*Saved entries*
┌──

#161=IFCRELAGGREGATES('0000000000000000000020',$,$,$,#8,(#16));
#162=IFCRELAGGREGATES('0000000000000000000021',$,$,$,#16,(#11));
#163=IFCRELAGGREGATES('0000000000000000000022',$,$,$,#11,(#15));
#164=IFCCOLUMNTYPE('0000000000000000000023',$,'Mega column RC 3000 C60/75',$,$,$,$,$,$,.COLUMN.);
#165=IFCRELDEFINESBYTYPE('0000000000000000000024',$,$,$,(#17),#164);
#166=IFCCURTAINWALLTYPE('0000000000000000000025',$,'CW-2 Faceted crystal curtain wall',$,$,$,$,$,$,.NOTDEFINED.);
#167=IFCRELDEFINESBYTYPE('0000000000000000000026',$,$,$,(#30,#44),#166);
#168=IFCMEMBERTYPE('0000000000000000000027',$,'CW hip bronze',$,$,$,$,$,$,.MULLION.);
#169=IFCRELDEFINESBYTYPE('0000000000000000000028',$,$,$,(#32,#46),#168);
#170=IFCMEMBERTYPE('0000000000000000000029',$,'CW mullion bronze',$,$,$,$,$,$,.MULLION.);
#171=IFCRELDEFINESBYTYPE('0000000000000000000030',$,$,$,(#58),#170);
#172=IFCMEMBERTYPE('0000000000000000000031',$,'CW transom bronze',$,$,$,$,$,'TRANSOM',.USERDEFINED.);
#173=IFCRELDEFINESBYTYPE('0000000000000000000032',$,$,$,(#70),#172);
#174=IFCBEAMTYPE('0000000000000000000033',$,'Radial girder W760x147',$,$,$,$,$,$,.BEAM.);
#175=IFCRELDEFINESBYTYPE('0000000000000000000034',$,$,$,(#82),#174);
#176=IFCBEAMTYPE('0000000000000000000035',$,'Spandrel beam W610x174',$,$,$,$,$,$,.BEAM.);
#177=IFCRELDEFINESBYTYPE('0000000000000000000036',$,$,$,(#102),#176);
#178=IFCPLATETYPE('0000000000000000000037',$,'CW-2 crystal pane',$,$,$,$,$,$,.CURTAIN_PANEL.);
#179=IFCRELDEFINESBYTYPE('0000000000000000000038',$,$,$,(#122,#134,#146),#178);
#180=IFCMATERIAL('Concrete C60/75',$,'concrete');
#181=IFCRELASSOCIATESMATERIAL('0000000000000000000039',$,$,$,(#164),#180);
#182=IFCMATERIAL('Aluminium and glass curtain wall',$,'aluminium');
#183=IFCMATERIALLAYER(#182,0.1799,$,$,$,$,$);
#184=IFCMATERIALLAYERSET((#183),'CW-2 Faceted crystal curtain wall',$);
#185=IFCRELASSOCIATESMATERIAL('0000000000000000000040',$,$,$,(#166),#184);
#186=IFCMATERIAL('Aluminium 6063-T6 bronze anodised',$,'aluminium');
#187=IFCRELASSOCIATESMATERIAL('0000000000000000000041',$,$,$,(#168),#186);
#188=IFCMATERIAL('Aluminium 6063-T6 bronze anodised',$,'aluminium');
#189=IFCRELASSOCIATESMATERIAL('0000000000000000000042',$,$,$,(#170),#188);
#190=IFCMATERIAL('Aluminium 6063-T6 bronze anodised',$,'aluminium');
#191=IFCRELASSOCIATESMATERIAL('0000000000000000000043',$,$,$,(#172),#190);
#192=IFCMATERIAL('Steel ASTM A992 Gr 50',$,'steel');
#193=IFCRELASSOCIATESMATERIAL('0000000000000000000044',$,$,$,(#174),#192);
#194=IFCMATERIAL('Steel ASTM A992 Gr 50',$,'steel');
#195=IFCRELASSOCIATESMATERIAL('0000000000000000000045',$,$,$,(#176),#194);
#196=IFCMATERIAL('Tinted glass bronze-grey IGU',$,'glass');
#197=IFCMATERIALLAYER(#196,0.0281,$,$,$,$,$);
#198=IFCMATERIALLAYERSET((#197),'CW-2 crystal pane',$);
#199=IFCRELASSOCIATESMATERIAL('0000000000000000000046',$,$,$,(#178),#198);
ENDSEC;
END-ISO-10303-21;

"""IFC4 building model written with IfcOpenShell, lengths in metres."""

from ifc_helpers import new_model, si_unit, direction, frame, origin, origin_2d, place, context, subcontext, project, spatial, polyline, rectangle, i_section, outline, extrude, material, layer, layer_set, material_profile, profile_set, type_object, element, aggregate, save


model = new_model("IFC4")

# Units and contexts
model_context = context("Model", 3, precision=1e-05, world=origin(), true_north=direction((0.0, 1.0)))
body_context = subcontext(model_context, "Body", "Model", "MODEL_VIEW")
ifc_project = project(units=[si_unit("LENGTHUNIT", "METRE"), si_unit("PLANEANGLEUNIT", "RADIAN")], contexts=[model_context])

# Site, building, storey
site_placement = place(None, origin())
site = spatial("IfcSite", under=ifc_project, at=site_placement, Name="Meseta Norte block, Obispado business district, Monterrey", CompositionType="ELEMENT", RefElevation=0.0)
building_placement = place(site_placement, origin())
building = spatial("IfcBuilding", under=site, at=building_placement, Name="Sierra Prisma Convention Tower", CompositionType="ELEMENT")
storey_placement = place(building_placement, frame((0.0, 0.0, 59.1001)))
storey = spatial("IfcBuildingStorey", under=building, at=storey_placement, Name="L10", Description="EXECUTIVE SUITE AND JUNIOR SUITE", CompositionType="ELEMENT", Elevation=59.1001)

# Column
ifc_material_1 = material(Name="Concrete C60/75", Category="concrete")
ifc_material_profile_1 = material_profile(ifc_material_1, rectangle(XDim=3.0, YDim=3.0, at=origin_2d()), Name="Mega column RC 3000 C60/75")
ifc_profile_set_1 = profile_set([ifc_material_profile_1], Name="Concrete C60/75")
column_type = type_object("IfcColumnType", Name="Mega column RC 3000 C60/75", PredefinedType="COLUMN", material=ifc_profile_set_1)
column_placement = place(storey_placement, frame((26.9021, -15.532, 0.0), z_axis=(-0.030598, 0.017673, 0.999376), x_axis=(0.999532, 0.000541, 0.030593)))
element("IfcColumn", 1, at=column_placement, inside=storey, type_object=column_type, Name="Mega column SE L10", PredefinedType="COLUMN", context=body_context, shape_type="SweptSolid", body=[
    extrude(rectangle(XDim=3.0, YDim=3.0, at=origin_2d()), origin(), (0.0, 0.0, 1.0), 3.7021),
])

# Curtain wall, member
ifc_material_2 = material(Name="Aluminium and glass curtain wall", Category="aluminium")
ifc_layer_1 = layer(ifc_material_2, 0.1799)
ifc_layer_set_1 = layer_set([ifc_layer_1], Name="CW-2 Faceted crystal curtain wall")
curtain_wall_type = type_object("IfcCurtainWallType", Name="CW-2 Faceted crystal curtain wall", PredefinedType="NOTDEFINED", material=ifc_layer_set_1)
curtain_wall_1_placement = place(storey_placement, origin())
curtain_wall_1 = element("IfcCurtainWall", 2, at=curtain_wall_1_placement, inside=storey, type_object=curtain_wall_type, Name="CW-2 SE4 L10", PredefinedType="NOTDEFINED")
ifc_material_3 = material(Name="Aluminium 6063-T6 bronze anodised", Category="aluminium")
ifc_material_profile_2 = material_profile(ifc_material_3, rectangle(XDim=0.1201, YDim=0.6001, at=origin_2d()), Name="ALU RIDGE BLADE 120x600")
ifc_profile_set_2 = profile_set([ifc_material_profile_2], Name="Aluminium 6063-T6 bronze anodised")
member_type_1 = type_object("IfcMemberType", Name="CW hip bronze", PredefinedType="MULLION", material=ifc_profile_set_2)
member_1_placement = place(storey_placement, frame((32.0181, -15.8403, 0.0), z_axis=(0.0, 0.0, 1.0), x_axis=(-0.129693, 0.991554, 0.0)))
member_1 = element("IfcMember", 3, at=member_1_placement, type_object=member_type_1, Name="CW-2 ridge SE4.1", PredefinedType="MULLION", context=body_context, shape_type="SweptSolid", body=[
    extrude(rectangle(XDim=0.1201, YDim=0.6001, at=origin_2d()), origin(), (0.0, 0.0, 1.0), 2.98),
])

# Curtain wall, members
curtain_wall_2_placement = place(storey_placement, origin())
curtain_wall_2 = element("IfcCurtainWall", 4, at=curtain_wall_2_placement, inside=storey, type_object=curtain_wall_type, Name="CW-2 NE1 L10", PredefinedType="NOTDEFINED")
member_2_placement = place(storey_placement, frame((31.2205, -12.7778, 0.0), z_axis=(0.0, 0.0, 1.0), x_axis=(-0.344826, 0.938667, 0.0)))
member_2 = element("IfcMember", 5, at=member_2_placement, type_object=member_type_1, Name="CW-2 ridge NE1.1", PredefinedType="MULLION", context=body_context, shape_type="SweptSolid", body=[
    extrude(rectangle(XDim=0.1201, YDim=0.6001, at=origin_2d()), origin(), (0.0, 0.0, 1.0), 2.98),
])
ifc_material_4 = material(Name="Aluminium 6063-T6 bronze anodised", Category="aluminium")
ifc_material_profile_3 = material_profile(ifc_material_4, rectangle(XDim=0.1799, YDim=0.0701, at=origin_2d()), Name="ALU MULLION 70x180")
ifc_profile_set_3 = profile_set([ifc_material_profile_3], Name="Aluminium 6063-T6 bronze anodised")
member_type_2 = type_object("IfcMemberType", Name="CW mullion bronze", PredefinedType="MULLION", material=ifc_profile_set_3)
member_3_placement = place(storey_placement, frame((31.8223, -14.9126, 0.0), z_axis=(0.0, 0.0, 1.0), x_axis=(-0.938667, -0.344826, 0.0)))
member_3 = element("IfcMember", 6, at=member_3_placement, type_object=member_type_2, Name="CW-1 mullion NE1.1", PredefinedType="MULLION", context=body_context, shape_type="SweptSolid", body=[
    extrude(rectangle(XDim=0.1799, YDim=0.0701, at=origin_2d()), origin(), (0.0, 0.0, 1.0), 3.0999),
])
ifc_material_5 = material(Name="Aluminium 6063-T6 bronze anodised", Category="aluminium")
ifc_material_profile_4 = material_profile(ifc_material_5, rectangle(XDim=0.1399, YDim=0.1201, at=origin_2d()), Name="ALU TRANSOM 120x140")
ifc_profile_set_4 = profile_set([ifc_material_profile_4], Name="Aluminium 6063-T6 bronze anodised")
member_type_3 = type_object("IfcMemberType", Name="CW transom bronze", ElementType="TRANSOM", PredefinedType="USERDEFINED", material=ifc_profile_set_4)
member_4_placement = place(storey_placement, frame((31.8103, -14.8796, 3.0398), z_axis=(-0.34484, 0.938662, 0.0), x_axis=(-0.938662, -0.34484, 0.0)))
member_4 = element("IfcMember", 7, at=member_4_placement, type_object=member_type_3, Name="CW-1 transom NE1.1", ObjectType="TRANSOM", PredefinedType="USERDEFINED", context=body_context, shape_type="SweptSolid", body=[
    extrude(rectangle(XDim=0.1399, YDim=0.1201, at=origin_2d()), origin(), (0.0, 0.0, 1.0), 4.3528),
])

└──

*YOUR ASSIGNMENT*
Number of lines containing "IFCRELAGGREGATES" in the data: state it and nothing more.

*RESPONSE TO THE TASK*
3